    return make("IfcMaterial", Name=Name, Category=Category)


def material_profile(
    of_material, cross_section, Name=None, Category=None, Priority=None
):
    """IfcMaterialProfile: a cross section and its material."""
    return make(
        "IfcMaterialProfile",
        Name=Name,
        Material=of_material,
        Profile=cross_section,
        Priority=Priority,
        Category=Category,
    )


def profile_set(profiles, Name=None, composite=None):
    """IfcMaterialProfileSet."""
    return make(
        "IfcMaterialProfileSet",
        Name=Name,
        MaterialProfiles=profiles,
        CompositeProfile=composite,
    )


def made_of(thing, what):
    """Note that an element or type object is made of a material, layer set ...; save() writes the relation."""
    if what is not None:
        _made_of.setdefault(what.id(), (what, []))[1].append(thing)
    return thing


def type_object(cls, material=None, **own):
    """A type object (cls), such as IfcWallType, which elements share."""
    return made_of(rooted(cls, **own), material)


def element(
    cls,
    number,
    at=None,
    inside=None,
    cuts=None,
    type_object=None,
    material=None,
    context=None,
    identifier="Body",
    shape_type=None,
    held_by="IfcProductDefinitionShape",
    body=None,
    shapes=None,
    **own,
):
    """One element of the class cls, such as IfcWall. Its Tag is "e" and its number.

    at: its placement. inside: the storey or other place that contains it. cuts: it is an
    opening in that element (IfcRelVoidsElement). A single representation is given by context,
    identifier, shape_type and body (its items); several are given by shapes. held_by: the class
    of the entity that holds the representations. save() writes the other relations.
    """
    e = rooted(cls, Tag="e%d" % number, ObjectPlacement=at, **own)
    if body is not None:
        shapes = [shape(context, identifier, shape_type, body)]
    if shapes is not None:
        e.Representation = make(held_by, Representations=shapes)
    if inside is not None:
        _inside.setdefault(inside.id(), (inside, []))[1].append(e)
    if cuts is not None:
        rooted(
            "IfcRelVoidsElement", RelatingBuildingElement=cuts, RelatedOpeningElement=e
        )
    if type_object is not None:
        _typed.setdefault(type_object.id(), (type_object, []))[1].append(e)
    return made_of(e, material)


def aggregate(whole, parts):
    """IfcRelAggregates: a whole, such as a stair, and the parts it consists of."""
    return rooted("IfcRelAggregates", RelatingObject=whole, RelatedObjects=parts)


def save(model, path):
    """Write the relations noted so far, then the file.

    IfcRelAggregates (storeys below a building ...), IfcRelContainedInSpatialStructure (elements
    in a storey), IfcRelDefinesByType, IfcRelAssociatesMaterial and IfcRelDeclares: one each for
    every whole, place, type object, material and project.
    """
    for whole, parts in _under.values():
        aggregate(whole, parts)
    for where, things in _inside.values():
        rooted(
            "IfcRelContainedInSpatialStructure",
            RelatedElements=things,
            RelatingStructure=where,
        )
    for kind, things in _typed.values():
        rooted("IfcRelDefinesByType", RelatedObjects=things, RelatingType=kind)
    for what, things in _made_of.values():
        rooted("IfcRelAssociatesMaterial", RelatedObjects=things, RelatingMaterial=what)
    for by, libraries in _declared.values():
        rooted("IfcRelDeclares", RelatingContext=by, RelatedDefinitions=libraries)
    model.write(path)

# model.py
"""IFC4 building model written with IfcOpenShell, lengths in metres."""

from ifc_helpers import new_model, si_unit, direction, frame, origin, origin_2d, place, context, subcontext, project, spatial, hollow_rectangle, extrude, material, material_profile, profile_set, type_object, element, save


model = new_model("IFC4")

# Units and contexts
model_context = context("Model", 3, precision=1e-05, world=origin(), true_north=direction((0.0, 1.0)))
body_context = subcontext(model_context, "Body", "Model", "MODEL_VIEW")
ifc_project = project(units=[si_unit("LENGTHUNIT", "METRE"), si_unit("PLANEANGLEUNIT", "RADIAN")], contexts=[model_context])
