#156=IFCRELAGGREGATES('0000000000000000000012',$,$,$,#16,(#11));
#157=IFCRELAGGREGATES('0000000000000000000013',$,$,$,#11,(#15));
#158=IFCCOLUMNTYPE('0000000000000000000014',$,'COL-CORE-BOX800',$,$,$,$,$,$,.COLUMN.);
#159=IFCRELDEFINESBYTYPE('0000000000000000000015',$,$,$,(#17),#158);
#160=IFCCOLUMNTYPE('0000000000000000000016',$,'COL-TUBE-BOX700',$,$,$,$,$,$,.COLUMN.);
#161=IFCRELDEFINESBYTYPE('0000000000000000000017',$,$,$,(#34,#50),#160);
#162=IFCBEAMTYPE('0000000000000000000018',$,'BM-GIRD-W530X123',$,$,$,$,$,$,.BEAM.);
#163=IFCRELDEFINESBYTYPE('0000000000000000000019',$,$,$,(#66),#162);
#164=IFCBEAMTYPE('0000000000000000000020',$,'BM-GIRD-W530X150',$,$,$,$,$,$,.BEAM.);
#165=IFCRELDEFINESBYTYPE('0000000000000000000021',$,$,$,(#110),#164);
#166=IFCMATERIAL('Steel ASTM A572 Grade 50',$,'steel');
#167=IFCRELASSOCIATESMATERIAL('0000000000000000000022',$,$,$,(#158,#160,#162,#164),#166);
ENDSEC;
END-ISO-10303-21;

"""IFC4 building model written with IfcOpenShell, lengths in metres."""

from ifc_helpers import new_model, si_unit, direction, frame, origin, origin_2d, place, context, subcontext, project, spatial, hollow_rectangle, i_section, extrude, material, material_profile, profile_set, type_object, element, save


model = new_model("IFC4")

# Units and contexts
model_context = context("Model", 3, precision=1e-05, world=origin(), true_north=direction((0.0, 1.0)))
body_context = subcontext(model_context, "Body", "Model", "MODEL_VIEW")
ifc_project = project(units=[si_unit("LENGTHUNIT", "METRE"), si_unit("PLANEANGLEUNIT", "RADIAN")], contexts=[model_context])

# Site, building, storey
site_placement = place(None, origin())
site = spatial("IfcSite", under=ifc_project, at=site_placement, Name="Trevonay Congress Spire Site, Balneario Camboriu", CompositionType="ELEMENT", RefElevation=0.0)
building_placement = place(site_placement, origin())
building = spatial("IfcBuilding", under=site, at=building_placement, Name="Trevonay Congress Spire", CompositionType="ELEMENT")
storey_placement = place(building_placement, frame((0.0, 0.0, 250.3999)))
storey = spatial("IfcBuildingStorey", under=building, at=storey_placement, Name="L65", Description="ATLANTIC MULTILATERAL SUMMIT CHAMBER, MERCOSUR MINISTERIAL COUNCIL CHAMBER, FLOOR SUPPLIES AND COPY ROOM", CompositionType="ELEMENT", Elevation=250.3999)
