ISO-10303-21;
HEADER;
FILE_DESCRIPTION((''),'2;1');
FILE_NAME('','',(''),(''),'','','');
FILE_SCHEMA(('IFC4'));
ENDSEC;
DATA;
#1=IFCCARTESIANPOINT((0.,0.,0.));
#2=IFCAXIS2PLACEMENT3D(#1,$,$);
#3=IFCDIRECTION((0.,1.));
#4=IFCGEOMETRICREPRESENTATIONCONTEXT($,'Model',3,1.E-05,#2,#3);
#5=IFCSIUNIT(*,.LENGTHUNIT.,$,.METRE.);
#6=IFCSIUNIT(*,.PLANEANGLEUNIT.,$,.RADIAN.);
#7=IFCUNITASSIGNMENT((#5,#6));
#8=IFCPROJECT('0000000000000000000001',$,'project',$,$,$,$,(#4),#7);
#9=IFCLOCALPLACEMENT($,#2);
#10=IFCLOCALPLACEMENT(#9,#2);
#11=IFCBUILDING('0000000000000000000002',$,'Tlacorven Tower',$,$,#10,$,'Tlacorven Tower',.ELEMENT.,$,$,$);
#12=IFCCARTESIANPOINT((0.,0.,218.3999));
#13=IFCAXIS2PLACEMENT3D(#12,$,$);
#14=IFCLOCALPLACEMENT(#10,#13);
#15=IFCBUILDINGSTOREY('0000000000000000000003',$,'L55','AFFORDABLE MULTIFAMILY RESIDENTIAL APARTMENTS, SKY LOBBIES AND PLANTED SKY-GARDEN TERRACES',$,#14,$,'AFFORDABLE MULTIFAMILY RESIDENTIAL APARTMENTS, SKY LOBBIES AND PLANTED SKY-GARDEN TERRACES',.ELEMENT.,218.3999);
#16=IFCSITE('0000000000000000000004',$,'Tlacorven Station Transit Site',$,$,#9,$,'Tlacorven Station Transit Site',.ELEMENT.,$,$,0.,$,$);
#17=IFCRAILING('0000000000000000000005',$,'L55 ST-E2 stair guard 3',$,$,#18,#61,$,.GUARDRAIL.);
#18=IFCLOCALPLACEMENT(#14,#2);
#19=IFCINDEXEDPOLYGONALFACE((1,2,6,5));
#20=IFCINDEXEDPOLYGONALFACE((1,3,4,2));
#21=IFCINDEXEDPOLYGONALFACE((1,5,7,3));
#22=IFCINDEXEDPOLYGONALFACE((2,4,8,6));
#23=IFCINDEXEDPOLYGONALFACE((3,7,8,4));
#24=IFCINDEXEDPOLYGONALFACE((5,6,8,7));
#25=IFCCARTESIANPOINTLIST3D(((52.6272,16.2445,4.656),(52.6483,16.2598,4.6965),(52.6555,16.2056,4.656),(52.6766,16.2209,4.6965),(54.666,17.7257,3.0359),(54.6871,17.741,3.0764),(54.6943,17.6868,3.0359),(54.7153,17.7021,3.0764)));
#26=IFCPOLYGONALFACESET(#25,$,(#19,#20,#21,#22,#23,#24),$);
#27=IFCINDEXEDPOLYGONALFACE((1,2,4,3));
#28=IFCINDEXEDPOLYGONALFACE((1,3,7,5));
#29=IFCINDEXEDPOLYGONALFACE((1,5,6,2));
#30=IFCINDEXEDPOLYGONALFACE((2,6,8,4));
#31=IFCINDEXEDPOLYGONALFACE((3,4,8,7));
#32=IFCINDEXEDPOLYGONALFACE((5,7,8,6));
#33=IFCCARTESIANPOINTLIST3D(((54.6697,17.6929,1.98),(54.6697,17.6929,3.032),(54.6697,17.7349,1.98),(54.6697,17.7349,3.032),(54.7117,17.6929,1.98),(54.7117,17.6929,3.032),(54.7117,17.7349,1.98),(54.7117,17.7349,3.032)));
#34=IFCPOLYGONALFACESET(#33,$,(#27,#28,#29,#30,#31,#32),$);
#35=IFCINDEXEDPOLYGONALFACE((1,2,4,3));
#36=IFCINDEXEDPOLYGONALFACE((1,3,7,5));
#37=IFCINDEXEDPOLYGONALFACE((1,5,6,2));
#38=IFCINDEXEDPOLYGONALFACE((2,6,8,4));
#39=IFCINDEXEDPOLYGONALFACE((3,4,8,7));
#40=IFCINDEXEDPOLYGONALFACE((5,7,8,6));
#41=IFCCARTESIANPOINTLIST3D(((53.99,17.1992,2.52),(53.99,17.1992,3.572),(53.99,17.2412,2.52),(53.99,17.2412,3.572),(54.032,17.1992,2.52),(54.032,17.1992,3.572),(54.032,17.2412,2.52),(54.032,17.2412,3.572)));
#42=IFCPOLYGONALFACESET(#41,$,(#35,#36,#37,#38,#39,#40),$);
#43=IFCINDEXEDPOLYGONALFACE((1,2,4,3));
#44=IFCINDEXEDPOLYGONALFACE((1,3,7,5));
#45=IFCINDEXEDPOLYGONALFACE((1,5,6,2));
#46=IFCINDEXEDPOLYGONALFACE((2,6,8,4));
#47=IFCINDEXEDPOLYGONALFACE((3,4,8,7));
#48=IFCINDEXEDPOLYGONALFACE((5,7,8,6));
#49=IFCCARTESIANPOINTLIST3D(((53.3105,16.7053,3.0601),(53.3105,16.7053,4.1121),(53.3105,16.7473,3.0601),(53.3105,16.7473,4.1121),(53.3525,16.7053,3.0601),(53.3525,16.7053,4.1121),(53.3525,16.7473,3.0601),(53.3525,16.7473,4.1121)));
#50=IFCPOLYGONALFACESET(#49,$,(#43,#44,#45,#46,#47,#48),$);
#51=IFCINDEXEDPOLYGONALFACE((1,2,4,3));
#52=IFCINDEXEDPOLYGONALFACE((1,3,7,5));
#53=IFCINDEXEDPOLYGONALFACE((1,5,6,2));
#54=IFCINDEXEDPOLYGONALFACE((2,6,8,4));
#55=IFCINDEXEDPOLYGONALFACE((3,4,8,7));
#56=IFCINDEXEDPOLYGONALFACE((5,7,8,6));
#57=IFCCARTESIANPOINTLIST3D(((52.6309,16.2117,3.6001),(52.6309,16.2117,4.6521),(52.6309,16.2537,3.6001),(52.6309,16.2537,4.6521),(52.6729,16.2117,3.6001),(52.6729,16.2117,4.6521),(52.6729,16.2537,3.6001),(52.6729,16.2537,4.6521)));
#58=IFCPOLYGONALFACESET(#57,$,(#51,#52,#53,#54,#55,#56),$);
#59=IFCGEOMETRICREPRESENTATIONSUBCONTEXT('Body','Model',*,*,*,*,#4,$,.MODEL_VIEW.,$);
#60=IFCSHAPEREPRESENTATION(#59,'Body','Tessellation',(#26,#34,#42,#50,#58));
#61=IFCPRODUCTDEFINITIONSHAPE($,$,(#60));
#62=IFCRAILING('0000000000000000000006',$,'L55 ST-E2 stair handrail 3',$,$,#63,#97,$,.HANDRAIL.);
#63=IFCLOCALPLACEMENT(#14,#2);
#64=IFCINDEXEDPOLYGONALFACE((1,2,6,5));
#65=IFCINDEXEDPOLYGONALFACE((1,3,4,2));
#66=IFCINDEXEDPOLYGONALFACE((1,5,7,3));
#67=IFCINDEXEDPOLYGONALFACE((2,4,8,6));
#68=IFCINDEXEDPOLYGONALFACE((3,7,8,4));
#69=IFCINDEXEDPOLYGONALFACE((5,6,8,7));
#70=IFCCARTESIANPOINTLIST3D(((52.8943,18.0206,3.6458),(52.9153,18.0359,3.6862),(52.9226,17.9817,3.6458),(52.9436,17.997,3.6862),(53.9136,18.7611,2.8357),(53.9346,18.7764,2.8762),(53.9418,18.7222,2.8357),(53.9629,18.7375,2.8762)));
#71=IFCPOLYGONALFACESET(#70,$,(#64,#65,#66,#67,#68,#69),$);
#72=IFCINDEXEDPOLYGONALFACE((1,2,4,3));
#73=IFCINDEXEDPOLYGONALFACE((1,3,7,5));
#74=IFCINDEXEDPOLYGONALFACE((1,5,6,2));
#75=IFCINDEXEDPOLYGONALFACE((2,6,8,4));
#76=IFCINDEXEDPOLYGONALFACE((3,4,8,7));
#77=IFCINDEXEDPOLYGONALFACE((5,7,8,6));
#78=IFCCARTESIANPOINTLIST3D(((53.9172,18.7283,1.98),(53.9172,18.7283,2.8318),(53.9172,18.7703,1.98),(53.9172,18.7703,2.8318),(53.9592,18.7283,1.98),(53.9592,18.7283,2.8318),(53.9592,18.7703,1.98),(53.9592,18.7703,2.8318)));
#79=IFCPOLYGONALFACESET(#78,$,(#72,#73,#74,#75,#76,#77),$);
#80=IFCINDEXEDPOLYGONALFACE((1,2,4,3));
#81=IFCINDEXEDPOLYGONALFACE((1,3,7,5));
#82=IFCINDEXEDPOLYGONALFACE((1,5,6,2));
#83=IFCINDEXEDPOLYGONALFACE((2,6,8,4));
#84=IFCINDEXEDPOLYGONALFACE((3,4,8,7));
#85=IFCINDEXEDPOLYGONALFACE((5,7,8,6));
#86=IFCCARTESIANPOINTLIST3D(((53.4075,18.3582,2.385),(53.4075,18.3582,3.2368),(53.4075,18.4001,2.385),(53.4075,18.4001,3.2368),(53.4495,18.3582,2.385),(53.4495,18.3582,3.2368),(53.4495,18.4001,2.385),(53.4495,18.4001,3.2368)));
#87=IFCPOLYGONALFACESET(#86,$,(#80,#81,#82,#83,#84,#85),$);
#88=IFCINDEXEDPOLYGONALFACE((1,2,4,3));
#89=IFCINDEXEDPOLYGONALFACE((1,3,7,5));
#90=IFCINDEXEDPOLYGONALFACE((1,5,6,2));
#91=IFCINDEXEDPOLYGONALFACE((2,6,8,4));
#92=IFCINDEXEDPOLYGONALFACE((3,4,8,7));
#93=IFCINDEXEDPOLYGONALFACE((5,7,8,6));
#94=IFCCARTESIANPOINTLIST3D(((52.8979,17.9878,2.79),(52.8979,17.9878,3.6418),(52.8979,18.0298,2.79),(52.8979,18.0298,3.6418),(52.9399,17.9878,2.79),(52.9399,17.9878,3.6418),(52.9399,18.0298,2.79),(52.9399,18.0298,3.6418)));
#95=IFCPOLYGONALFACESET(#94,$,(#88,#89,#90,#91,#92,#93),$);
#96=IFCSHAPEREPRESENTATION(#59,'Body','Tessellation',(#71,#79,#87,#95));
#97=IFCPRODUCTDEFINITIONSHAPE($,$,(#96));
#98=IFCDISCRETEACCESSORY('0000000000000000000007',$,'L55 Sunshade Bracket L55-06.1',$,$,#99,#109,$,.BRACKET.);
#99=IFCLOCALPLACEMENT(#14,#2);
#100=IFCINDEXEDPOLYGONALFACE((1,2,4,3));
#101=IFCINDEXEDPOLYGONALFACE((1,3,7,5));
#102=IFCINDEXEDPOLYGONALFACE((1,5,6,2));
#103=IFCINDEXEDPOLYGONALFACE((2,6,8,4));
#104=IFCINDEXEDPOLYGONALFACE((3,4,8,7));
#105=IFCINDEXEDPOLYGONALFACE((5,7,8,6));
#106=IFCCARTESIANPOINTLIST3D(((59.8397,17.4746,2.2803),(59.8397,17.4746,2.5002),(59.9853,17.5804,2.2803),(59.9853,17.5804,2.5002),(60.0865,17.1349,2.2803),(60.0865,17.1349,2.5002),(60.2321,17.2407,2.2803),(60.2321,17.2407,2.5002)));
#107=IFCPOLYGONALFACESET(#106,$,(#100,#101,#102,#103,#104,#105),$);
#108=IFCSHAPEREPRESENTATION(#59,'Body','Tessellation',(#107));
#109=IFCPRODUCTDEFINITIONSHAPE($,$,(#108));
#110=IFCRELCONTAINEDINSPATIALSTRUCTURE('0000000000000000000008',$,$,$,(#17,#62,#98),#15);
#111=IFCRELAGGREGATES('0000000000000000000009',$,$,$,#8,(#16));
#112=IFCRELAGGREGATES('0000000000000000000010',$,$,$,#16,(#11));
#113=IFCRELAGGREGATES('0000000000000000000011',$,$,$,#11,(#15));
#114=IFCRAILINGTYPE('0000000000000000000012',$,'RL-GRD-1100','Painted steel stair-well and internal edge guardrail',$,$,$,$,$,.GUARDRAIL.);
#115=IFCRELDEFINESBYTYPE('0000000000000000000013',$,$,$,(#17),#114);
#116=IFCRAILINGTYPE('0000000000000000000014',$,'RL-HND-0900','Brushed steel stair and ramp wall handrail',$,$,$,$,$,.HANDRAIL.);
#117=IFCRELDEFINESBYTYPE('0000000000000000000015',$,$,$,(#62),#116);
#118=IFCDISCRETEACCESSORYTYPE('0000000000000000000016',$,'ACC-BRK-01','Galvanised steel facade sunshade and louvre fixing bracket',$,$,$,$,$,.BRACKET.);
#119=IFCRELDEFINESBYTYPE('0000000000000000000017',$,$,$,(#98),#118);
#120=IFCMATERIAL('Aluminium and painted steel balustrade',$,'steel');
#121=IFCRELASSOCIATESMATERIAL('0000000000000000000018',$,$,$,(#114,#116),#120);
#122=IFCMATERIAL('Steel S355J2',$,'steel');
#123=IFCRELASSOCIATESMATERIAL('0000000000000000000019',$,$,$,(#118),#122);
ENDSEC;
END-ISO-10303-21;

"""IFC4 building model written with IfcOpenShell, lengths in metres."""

from ifc_helpers import new_model, si_unit, direction, frame, origin, origin_2d, place, context, subcontext, project, spatial, rectangle, extrude, source, transform, mapped, material, type_object, element, save


model = new_model("IFC4")

# Units and contexts
model_context = context("Model", 3, precision=1e-05, world=origin(), true_north=direction((0.0, 1.0)))
body_context = subcontext(model_context, "Body", "Model", "MODEL_VIEW")
ifc_project = project(units=[si_unit("LENGTHUNIT", "METRE"), si_unit("PLANEANGLEUNIT", "RADIAN")], contexts=[model_context])

# Site, building, storey
site_placement = place(None, origin())
site = spatial("IfcSite", under=ifc_project, at=site_placement, Name="Tlacorven Station Transit Site", LongName="Tlacorven Station Transit Site", CompositionType="ELEMENT", RefElevation=0.0)
building_placement = place(site_placement, origin())
building = spatial("IfcBuilding", under=site, at=building_placement, Name="Tlacorven Tower", LongName="Tlacorven Tower", CompositionType="ELEMENT")
storey_placement = place(building_placement, frame((0.0, 0.0, 218.3999)))
storey = spatial("IfcBuildingStorey", under=building, at=storey_placement, Name="L55", Description="AFFORDABLE MULTIFAMILY RESIDENTIAL APARTMENTS, SKY LOBBIES AND PLANTED SKY-GARDEN TERRACES", LongName="AFFORDABLE MULTIFAMILY RESIDENTIAL APARTMENTS, SKY LOBBIES AND PLANTED SKY-GARDEN TERRACES", CompositionType="ELEMENT", Elevation=218.3999)

# Shared definitions
ifc_material_1 = material(Name="Steel S355J2", Category="steel")

# Shared definitions
ifc_material_2 = material(Name="Aluminium and painted steel balustrade", Category="steel")

# Railings
railing_type_1 = type_object("IfcRailingType", Name="RL-GRD-1100", Description="Painted steel stair-well and internal edge guardrail", PredefinedType="GUARDRAIL", material=ifc_material_2)
railing_type_2 = type_object("IfcRailingType", Name="RL-HND-0900", Description="Brushed steel stair and ramp wall handrail", PredefinedType="HANDRAIL", material=ifc_material_2)
shared_shape_1 = source(origin(), body_context, "Body", "SweptSolid", [
    extrude(rectangle(XDim=0.0481, YDim=0.0481, at=origin_2d()), frame((0.0, 0.0, 1.0762), z_axis=(-0.680532, -0.494407, 0.540775), x_axis=(0.587763, -0.809033, 0.0)), (0.0, 0.0, 1.0), 2.9958),
    extrude(rectangle(XDim=0.042, YDim=0.042, at=origin_2d()), origin(), (0.0, 0.0, 1.0), 1.052),
    extrude(rectangle(XDim=0.042, YDim=0.042, at=origin_2d()), frame((-0.6797, -0.4937, 0.54)), (0.0, 0.0, 1.0), 1.052),
    extrude(rectangle(XDim=0.042, YDim=0.042, at=origin_2d()), frame((-1.3591, -0.9875, 1.0801)), (0.0, 0.0, 1.0), 1.052),
    extrude(rectangle(XDim=0.042, YDim=0.042, at=origin_2d()), frame((-2.0388, -1.4812, 1.6201)), (0.0, 0.0, 1.0), 1.052),
])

**HOW TO COMPLETE THIS TASK**
Taking the material above, extract exactly and only the lines from the line with "#44=IFCINDEXEDPOLYGONALFACE((1,3,7,5));" to the line with "#58=IFCPOLYGONALFACESET(#57,$,(#51,#52,#53,#54,#55,#56),$);", inclusive of both.

**RESULT OF THIS EXERCISE**
#44=IFCINDEXEDPOLYGONALFACE((1,3,7,5));
#45=IFCINDEXEDPOLYGONALFACE((1,5,6,2));
#46=IFCINDEXEDPOLYGONALFACE((2,6,8,4));
#47=IFCINDEXEDPOLYGONALFACE((3,4,8,7));
#48=IFCINDEXEDPOLYGONALFACE((5,7,8,6));
#49=IFCCARTESIANPOINTLIST3D(((53.3105,16.7053,3.0601),(53.3105,16.7053,4.1121),(53.3105,16.7473,3.0601),(53.3105,16.7473,4.1121),(53.3525,16.7053,3.0601),(53.3525,16.7053,4.1121),(53.3525,16.7473,3.0601),(53.3525,16.7473,4.1121)));
#50=IFCPOLYGONALFACESET(#49,$,(#43,#44,#45,#46,#47,#48),$);
#51=IFCINDEXEDPOLYGONALFACE((1,2,4,3));
#52=IFCINDEXEDPOLYGONALFACE((1,3,7,5));
#53=IFCINDEXEDPOLYGONALFACE((1,5,6,2));
#54=IFCINDEXEDPOLYGONALFACE((2,6,8,4));
#55=IFCINDEXEDPOLYGONALFACE((3,4,8,7));
#56=IFCINDEXEDPOLYGONALFACE((5,7,8,6));
#57=IFCCARTESIANPOINTLIST3D(((52.6309,16.2117,3.6001),(52.6309,16.2117,4.6521),(52.6309,16.2537,3.6001),(52.6309,16.2537,4.6521),(52.6729,16.2117,3.6001),(52.6729,16.2117,4.6521),(52.6729,16.2537,3.6001),(52.6729,16.2537,4.6521)));
#58=IFCPOLYGONALFACESET(#57,$,(#51,#52,#53,#54,#55,#56),$);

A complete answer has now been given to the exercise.